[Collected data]
════
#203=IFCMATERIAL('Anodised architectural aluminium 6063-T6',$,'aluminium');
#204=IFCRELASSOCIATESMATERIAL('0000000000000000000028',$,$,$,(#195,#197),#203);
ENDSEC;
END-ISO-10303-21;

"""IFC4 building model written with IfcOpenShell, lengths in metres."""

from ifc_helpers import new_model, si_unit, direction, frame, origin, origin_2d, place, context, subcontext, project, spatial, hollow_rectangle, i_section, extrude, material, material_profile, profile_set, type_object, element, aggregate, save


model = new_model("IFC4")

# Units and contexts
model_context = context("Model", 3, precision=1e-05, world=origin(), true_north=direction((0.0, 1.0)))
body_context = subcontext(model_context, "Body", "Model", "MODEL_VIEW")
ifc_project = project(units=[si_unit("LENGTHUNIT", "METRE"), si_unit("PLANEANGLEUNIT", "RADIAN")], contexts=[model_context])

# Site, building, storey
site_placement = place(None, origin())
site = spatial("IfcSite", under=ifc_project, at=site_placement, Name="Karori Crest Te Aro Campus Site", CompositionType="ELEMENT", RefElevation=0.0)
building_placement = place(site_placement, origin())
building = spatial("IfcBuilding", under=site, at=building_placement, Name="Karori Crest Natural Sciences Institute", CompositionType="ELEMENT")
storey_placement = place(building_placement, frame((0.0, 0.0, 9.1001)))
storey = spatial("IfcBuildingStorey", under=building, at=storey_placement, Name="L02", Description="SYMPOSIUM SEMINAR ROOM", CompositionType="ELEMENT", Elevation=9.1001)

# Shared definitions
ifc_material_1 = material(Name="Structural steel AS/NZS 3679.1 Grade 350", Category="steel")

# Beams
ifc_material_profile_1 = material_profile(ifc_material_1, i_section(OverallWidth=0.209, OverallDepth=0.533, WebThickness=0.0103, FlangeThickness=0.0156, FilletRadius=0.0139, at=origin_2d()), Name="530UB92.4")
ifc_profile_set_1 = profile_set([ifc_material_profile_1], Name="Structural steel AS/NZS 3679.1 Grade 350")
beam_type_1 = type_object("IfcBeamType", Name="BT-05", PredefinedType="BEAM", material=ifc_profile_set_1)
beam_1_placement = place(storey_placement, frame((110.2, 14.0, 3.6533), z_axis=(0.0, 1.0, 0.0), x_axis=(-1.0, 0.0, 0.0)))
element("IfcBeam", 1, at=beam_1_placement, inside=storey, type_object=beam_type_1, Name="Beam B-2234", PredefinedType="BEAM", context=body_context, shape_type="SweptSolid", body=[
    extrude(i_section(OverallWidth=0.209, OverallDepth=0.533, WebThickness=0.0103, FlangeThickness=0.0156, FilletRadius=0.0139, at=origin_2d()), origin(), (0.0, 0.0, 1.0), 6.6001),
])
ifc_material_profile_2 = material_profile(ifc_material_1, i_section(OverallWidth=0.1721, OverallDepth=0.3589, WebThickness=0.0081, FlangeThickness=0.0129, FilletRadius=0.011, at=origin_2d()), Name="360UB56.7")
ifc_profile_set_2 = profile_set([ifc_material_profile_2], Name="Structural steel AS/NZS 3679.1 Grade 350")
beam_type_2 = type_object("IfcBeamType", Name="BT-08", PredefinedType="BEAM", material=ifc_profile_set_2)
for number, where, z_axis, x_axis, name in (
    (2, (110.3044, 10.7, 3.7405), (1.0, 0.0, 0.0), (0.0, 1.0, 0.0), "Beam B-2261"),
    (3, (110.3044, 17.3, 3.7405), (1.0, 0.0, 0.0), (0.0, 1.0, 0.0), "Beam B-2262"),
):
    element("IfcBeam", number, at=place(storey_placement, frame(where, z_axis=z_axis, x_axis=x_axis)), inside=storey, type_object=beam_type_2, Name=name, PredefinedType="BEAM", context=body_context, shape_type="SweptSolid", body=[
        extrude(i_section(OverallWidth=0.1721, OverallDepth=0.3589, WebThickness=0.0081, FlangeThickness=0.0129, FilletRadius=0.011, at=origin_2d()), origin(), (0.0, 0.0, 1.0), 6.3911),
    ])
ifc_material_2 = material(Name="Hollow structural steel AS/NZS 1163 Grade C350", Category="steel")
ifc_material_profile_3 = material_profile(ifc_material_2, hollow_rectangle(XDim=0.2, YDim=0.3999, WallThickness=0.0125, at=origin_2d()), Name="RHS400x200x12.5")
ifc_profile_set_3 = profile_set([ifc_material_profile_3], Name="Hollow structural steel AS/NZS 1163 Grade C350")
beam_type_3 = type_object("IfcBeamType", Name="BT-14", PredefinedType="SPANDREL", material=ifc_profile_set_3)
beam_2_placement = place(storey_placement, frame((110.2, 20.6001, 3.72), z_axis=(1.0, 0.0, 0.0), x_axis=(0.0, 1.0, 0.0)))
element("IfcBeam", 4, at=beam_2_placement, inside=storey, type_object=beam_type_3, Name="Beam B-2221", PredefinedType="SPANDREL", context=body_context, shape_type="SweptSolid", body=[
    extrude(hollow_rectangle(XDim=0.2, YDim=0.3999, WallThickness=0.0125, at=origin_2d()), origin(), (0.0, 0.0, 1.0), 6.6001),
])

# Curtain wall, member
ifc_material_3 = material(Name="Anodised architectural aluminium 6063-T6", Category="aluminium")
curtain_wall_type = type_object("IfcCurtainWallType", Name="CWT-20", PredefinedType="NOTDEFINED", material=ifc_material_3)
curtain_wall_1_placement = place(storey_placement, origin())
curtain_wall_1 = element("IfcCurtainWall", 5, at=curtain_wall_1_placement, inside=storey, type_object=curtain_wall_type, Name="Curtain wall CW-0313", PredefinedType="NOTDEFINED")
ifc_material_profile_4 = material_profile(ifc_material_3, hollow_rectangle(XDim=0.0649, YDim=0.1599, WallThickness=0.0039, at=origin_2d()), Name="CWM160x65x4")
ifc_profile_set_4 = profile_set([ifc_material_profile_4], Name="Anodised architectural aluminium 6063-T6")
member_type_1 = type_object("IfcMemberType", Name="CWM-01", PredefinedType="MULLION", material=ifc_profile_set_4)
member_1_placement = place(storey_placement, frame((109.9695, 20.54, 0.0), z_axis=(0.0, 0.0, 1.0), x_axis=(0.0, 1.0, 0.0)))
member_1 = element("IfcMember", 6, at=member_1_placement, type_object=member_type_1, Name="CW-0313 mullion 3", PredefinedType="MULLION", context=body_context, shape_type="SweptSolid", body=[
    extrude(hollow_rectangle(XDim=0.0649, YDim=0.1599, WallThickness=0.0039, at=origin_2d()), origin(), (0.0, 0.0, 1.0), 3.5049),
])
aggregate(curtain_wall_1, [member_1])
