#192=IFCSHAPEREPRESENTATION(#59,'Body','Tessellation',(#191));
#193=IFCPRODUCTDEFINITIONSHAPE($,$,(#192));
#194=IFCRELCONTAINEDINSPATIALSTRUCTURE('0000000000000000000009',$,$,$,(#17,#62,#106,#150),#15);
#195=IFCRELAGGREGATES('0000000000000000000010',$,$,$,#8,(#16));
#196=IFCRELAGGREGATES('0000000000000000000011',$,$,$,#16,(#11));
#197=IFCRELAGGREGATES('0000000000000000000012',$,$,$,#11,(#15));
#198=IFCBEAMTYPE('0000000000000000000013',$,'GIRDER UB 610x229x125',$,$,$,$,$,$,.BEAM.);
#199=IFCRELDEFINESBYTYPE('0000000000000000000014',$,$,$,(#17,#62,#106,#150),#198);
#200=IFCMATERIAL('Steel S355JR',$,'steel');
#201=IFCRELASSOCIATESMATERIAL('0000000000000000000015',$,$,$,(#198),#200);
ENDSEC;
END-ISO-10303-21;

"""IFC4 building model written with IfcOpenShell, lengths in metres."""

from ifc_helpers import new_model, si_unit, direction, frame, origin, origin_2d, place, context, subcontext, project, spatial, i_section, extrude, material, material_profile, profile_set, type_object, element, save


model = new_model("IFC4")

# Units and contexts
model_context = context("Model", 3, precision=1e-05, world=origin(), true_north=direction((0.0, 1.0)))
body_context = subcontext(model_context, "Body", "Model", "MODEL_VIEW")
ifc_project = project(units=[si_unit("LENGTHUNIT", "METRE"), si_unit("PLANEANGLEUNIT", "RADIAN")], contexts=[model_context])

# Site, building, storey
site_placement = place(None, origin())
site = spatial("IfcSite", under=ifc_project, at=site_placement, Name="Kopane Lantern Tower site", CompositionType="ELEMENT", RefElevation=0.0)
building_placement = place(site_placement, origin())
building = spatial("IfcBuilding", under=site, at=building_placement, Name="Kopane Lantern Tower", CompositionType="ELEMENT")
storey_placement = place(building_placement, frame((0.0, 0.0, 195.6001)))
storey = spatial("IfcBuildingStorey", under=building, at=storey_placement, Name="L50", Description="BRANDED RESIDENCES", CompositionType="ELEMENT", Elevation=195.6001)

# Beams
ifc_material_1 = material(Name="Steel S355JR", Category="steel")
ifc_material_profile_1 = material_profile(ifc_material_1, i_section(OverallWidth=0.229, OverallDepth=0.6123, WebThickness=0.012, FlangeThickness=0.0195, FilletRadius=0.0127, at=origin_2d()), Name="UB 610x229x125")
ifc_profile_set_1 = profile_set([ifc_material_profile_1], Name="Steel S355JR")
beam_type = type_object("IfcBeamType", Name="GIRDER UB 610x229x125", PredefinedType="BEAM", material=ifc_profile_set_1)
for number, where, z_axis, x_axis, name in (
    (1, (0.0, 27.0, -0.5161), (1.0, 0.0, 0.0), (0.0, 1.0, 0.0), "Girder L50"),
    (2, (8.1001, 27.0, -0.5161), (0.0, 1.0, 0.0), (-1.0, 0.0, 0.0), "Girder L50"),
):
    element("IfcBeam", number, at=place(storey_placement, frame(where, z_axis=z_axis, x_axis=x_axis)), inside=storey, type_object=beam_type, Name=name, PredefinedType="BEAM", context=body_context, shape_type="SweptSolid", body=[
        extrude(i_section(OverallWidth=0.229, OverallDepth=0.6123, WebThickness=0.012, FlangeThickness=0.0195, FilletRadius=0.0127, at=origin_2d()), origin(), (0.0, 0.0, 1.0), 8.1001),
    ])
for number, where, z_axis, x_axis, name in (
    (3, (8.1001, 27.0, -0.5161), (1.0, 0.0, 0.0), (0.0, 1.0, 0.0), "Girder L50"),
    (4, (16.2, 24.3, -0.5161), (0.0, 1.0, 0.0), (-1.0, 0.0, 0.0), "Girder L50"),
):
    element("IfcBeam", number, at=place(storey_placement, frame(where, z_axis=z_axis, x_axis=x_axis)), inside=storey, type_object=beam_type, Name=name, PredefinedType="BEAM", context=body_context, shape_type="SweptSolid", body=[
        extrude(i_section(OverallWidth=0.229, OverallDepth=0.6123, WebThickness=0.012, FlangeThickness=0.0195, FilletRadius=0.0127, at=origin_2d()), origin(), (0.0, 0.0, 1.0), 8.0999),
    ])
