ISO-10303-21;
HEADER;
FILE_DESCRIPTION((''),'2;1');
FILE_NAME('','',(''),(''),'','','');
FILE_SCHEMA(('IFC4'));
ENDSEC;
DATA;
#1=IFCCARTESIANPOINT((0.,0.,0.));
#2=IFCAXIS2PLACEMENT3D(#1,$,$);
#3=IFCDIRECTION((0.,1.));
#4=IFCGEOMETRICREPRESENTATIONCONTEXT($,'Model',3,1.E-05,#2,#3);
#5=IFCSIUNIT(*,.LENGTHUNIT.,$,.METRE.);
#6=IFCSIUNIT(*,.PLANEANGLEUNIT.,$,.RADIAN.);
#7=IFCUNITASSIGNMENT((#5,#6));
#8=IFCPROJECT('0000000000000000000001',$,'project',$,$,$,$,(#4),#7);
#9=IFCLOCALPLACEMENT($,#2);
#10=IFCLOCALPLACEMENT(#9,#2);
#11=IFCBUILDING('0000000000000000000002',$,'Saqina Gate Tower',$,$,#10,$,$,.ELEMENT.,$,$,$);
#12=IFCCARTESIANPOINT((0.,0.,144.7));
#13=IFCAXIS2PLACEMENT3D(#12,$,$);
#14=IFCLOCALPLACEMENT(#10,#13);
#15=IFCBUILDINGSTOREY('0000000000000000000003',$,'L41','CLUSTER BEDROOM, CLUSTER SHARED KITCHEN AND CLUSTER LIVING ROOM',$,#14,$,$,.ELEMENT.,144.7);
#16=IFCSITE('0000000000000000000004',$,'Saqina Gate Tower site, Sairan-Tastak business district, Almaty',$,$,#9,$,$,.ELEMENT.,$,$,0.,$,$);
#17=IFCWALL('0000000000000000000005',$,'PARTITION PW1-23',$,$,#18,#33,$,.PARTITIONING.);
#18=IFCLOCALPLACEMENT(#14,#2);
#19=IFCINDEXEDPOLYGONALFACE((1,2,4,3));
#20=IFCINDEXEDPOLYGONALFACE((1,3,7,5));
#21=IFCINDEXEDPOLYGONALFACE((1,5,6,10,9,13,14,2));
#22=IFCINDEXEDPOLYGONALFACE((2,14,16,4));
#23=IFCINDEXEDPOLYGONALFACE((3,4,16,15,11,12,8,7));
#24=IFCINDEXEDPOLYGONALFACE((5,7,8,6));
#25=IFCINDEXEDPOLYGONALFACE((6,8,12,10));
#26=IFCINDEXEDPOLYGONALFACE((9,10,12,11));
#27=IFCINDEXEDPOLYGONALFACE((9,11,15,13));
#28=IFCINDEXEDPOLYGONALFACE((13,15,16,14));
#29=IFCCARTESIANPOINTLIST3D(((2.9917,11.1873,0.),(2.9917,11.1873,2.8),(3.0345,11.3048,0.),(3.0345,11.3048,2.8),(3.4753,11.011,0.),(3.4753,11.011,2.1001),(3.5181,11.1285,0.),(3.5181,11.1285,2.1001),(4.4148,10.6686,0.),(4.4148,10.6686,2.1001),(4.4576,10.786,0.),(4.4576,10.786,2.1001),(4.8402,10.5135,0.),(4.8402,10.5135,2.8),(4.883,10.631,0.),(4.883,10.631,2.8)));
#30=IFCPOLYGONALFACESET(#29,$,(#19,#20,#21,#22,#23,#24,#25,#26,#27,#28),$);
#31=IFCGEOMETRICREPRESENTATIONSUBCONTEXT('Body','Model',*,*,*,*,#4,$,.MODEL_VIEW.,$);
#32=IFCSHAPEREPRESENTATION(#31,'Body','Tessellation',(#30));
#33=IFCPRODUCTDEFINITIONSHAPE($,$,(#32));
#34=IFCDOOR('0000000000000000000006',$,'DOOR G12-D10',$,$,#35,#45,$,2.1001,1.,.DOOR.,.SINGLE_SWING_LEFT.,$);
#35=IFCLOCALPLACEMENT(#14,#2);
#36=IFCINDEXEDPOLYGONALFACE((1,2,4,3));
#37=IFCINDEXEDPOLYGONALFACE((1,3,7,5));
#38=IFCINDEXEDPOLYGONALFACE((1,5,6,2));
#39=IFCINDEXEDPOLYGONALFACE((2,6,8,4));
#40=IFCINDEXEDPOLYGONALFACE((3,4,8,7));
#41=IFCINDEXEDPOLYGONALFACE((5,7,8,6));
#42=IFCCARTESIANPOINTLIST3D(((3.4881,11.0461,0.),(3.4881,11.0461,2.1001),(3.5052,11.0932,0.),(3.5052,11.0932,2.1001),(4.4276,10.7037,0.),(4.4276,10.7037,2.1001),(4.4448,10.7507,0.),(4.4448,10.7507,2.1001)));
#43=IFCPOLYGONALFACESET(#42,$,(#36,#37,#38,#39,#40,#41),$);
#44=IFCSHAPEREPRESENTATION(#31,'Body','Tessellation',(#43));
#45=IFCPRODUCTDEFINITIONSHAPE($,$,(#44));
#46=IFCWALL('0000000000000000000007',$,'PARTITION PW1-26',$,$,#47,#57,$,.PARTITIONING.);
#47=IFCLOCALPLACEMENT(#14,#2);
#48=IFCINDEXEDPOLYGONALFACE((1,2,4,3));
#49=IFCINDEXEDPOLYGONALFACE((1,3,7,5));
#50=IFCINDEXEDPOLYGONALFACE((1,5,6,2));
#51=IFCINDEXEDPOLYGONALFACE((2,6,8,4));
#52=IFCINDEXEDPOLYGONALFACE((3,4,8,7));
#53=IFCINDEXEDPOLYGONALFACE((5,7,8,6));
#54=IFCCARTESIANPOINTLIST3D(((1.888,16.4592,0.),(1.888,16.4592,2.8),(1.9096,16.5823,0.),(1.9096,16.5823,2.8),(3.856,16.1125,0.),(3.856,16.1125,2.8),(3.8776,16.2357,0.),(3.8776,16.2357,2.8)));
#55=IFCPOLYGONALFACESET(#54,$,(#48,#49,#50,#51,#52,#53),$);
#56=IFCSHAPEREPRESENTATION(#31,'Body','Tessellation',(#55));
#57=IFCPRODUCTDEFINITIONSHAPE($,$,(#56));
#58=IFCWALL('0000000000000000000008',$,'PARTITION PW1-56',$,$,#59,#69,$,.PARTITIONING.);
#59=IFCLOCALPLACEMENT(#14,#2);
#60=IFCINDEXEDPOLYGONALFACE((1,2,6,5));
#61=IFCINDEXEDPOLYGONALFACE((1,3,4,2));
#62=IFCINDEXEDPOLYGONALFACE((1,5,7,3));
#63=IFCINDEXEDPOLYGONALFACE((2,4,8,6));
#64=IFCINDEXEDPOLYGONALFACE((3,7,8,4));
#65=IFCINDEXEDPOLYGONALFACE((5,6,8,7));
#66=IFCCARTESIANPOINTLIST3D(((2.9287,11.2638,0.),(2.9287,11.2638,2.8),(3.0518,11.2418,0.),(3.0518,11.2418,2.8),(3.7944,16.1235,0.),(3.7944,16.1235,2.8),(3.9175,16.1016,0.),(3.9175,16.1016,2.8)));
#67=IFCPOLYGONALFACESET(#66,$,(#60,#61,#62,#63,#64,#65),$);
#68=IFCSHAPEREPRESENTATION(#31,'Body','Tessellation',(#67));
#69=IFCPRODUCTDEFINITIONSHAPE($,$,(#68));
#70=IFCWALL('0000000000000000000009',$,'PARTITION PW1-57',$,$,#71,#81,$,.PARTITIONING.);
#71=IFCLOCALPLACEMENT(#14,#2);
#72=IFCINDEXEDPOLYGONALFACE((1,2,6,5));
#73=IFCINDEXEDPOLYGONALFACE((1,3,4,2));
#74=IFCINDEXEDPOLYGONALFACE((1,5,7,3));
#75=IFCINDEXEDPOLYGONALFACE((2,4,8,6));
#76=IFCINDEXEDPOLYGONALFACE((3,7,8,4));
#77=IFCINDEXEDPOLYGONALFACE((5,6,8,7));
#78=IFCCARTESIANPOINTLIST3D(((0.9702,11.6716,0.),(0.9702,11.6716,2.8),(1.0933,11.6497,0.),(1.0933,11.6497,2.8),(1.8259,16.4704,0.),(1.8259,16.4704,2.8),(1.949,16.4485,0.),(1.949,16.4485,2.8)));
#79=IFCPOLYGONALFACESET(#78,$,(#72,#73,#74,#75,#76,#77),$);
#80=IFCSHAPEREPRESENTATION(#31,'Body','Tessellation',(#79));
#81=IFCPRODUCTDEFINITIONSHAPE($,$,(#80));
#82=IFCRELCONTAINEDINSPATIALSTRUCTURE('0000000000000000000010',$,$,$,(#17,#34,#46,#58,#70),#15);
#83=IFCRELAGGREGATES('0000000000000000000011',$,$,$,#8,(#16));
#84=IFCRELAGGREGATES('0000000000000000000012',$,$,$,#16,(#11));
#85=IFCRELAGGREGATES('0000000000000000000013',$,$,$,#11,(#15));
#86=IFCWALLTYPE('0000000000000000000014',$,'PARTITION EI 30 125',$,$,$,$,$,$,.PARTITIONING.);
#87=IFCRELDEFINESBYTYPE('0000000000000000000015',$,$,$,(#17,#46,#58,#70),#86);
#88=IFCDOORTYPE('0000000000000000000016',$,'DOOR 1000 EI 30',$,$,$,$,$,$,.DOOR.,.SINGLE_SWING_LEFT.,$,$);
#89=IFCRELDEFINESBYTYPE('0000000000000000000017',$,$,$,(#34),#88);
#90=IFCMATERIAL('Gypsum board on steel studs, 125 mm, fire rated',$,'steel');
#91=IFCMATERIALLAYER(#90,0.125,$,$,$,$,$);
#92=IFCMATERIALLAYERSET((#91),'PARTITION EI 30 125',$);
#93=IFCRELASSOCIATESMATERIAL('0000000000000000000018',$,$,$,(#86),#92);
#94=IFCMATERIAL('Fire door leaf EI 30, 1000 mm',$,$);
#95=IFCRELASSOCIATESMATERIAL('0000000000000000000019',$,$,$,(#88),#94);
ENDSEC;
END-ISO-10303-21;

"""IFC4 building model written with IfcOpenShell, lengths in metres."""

from ifc_helpers import new_model, si_unit, direction, frame, frame_2d, origin, place, context, subcontext, project, spatial, rectangle, extrude, material, layer, layer_set, type_object, element, fill, save


model = new_model("IFC4")

# Units and contexts
model_context = context("Model", 3, precision=1e-05, world=origin(), true_north=direction((0.0, 1.0)))
body_context = subcontext(model_context, "Body", "Model", "MODEL_VIEW")
ifc_project = project(units=[si_unit("LENGTHUNIT", "METRE"), si_unit("PLANEANGLEUNIT", "RADIAN")], contexts=[model_context])

# Site, building, storey
site_placement = place(None, origin())
site = spatial("IfcSite", under=ifc_project, at=site_placement, Name="Saqina Gate Tower site, Sairan-Tastak business district, Almaty", CompositionType="ELEMENT", RefElevation=0.0)
building_placement = place(site_placement, origin())
building = spatial("IfcBuilding", under=site, at=building_placement, Name="Saqina Gate Tower", CompositionType="ELEMENT")
storey_placement = place(building_placement, frame((0.0, 0.0, 144.7)))
storey = spatial("IfcBuildingStorey", under=building, at=storey_placement, Name="L41", Description="CLUSTER BEDROOM, CLUSTER SHARED KITCHEN AND CLUSTER LIVING ROOM", CompositionType="ELEMENT", Elevation=144.7)

# Shared definitions
ifc_material_1 = material(Name="Gypsum board on steel studs, 125 mm, fire rated", Category="steel")
ifc_layer_1 = layer(ifc_material_1, 0.125)
ifc_layer_set_1 = layer_set([ifc_layer_1], Name="PARTITION EI 30 125")
wall_type_1 = type_object("IfcWallType", Name="PARTITION EI 30 125", PredefinedType="PARTITIONING", material=ifc_layer_set_1)

# Wall, opening, door
wall_1_placement = place(storey_placement, frame((3.0129, 11.2461, 0.0), z_axis=(0.0, 0.0, 1.0), x_axis=(0.939532, -0.34246, 0.0)))
wall_1 = element("IfcWall", 1, at=wall_1_placement, inside=storey, type_object=wall_type_1, Name="PARTITION PW1-23", PredefinedType="PARTITIONING", context=body_context, shape_type="SweptSolid", body=[
    extrude(rectangle(XDim=1.9675, YDim=0.125, at=frame_2d((0.9839, 0.0))), origin(), (0.0, 0.0, 1.0), 2.8),
])
opening_1_placement = place(wall_1_placement, frame((0.5149, 0.0, 0.0)))
opening_1 = element("IfcOpeningElement", 2, at=opening_1_placement, cuts=wall_1, PredefinedType="OPENING", context=body_context, shape_type="SweptSolid", body=[
    extrude(rectangle(XDim=1.0, YDim=2.1001, at=frame_2d((0.5, 1.05))), frame((0.0, 0.0745, 0.0), z_axis=(0.0, -1.0, 0.0), x_axis=(1.0, 0.0, 0.0)), (0.0, 0.0, 1.0), 0.1489),
])
ifc_material_2 = material(Name="Fire door leaf EI 30, 1000 mm")
door_type_1 = type_object("IfcDoorType", Name="DOOR 1000 EI 30", OperationType="SINGLE_SWING_LEFT", PredefinedType="DOOR", material=ifc_material_2)
door_1_placement = place(opening_1_placement, origin())
door_1 = element("IfcDoor", 3, at=door_1_placement, inside=storey, type_object=door_type_1, Name="DOOR G12-D10", OperationType="SINGLE_SWING_LEFT", OverallHeight=2.1001, OverallWidth=1.0, PredefinedType="DOOR", context=body_context, shape_type="SweptSolid", body=[
    extrude(rectangle(XDim=1.0, YDim=2.1001, at=frame_2d((0.5, 1.05))), frame((0.0, 0.0249, 0.0), z_axis=(0.0, -1.0, 0.0), x_axis=(1.0, 0.0, 0.0)), (0.0, 0.0, 1.0), 0.05),
])
fill(opening_1, door_1)

# Walls
wall_2_placement = place(storey_placement, frame((1.8989, 16.5208, 0.0), z_axis=(0.0, 0.0, 1.0), x_axis=(0.984836, -0.173486, 0.0)))
element("IfcWall", 4, at=wall_2_placement, inside=storey, type_object=wall_type_1, Name="PARTITION PW1-26", PredefinedType="PARTITIONING", context=body_context, shape_type="SweptSolid", body=[
    extrude(rectangle(XDim=1.9983, YDim=0.125, at=frame_2d((0.999, 0.0))), origin(), (0.0, 0.0, 1.0), 2.8),
])
wall_3_placement = place(storey_placement, frame((2.9902, 11.2527, 0.0), z_axis=(0.0, 0.0, 1.0), x_axis=(0.175376, 0.984501, 0.0)))
element("IfcWall", 5, at=wall_3_placement, inside=storey, type_object=wall_type_1, Name="PARTITION PW1-56", PredefinedType="PARTITIONING", context=body_context, shape_type="SweptSolid", body=[
    extrude(rectangle(XDim=4.9363, YDim=0.125, at=frame_2d((2.4683, 0.0))), origin(), (0.0, 0.0, 1.0), 2.8),
])
wall_4_placement = place(storey_placement, frame((1.0317, 11.6606, 0.0), z_axis=(0.0, 0.0, 1.0), x_axis=(0.175548, 0.984471, 0.0)))
element("IfcWall", 6, at=wall_4_placement, inside=storey, type_object=wall_type_1, Name="PARTITION PW1-57", PredefinedType="PARTITIONING", context=body_context, shape_type="SweptSolid", body=[
    extrude(rectangle(XDim=4.8745, YDim=0.125, at=frame_2d((2.4373, 0.0))), origin(), (0.0, 0.0, 1.0), 2.8),
])

save(model, "model.ifc")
════
• [TASK STATEMENT]
Find each line of the data above that holds the word "IFCRELDEFINESBYTYPE", then copy it.

• [OUTPUT OF THE TASK]
#199=IFCRELDEFINESBYTYPE('0000000000000000000014',$,$,$,(#17,#62,#106,#150),#198);
#87=IFCRELDEFINESBYTYPE('0000000000000000000015',$,$,$,(#17,#46,#58,#70),#86);
#89=IFCRELDEFINESBYTYPE('0000000000000000000017',$,$,$,(#34),#88);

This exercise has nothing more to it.